* _THE PROBLEM_
An exact copy of every record is needed.

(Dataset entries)
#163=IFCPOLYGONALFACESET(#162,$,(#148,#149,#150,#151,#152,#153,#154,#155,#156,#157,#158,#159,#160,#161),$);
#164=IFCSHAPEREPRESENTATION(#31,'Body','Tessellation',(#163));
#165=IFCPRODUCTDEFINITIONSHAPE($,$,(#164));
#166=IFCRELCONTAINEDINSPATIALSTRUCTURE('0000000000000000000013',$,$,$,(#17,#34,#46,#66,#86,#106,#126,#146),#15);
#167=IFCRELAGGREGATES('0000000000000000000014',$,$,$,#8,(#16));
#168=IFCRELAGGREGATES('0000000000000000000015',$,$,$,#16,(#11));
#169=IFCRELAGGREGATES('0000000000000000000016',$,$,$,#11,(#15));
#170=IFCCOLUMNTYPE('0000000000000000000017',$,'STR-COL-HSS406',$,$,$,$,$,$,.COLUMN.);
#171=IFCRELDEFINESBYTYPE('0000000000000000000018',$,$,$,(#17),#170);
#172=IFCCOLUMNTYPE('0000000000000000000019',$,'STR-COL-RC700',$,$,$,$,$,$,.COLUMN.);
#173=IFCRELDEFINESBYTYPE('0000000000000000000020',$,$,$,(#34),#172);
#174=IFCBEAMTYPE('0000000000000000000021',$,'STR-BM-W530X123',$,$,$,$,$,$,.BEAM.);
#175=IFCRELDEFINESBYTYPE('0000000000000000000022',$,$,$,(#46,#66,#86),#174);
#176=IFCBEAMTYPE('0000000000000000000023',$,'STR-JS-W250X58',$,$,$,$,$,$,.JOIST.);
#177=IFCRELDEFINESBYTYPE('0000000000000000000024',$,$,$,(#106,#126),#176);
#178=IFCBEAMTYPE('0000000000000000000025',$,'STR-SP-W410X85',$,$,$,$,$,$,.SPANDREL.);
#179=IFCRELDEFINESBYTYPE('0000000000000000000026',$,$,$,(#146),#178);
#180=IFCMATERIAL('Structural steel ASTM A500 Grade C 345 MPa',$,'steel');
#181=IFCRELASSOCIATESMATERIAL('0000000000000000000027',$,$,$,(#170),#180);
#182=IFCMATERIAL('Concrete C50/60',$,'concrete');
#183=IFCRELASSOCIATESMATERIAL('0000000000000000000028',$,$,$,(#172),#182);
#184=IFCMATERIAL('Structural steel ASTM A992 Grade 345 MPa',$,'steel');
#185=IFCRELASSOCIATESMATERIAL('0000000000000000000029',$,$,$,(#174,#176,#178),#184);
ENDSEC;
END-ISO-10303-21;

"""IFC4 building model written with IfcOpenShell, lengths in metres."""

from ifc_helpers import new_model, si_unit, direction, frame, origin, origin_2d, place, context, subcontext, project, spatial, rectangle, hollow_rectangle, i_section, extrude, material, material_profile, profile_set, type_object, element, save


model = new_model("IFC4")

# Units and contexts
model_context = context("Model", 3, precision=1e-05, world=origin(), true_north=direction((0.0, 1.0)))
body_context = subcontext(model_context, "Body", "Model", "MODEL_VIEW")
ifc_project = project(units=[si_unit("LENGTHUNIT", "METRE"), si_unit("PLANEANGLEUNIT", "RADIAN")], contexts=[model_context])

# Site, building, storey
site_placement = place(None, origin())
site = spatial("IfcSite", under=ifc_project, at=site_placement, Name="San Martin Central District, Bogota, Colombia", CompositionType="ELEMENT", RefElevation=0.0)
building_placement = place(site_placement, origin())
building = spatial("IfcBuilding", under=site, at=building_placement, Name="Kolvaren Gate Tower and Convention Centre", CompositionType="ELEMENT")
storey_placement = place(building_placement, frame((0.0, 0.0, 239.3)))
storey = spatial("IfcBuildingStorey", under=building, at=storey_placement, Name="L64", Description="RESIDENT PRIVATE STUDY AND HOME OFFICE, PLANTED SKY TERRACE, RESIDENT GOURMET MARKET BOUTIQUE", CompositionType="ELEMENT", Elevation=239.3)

* _RESPONSE BOX_
#163=IFCPOLYGONALFACESET(#162,$,(#148,#149,#150,#151,#152,#153,#154,#155,#156,#157,#158,#159,#160,#161),$);
#164=IFCSHAPEREPRESENTATION(#31,'Body','Tessellation',(#163));
#165=IFCPRODUCTDEFINITIONSHAPE($,$,(#164));
#166=IFCRELCONTAINEDINSPATIALSTRUCTURE('0000000000000000000013',$,$,$,(#17,#34,#46,#66,#86,#106,#126,#146),#15);
#167=IFCRELAGGREGATES('0000000000000000000014',$,$,$,#8,(#16));
#168=IFCRELAGGREGATES('0000000000000000000015',$,$,$,#16,(#11));
#169=IFCRELAGGREGATES('0000000000000000000016',$,$,$,#11,(#15));
#170=IFCCOLUMNTYPE('0000000000000000000017',$,'STR-COL-HSS406',$,$,$,$,$,$,.COLUMN.);
#171=IFCRELDEFINESBYTYPE('0000000000000000000018',$,$,$,(#17),#170);
#172=IFCCOLUMNTYPE('0000000000000000000019',$,'STR-COL-RC700',$,$,$,$,$,$,.COLUMN.);
#173=IFCRELDEFINESBYTYPE('0000000000000000000020',$,$,$,(#34),#172);
#174=IFCBEAMTYPE('0000000000000000000021',$,'STR-BM-W530X123',$,$,$,$,$,$,.BEAM.);
#175=IFCRELDEFINESBYTYPE('0000000000000000000022',$,$,$,(#46,#66,#86),#174);
#176=IFCBEAMTYPE('0000000000000000000023',$,'STR-JS-W250X58',$,$,$,$,$,$,.JOIST.);
#177=IFCRELDEFINESBYTYPE('0000000000000000000024',$,$,$,(#106,#126),#176);
#178=IFCBEAMTYPE('0000000000000000000025',$,'STR-SP-W410X85',$,$,$,$,$,$,.SPANDREL.);
#179=IFCRELDEFINESBYTYPE('0000000000000000000026',$,$,$,(#146),#178);
#180=IFCMATERIAL('Structural steel ASTM A500 Grade C 345 MPa',$,'steel');
#181=IFCRELASSOCIATESMATERIAL('0000000000000000000027',$,$,$,(#170),#180);
#182=IFCMATERIAL('Concrete C50/60',$,'concrete');
#183=IFCRELASSOCIATESMATERIAL('0000000000000000000028',$,$,$,(#172),#182);
#184=IFCMATERIAL('Structural steel ASTM A992 Grade 345 MPa',$,'steel');
#185=IFCRELASSOCIATESMATERIAL('0000000000000000000029',$,$,$,(#174,#176,#178),#184);
ENDSEC;
END-ISO-10303-21;

"""IFC4 building model written with IfcOpenShell, lengths in metres."""

from ifc_helpers import new_model, si_unit, direction, frame, origin, origin_2d, place, context, subcontext, project, spatial, rectangle, hollow_rectangle, i_section, extrude, material, material_profile, profile_set, type_object, element, save


model = new_model("IFC4")

# Units and contexts
model_context = context("Model", 3, precision=1e-05, world=origin(), true_north=direction((0.0, 1.0)))
body_context = subcontext(model_context, "Body", "Model", "MODEL_VIEW")
ifc_project = project(units=[si_unit("LENGTHUNIT", "METRE"), si_unit("PLANEANGLEUNIT", "RADIAN")], contexts=[model_context])

# Site, building, storey
site_placement = place(None, origin())
site = spatial("IfcSite", under=ifc_project, at=site_placement, Name="San Martin Central District, Bogota, Colombia", CompositionType="ELEMENT", RefElevation=0.0)
building_placement = place(site_placement, origin())
building = spatial("IfcBuilding", under=site, at=building_placement, Name="Kolvaren Gate Tower and Convention Centre", CompositionType="ELEMENT")
storey_placement = place(building_placement, frame((0.0, 0.0, 239.3)))
storey = spatial("IfcBuildingStorey", under=building, at=storey_placement, Name="L64", Description="RESIDENT PRIVATE STUDY AND HOME OFFICE, PLANTED SKY TERRACE, RESIDENT GOURMET MARKET BOUTIQUE", CompositionType="ELEMENT", Elevation=239.3)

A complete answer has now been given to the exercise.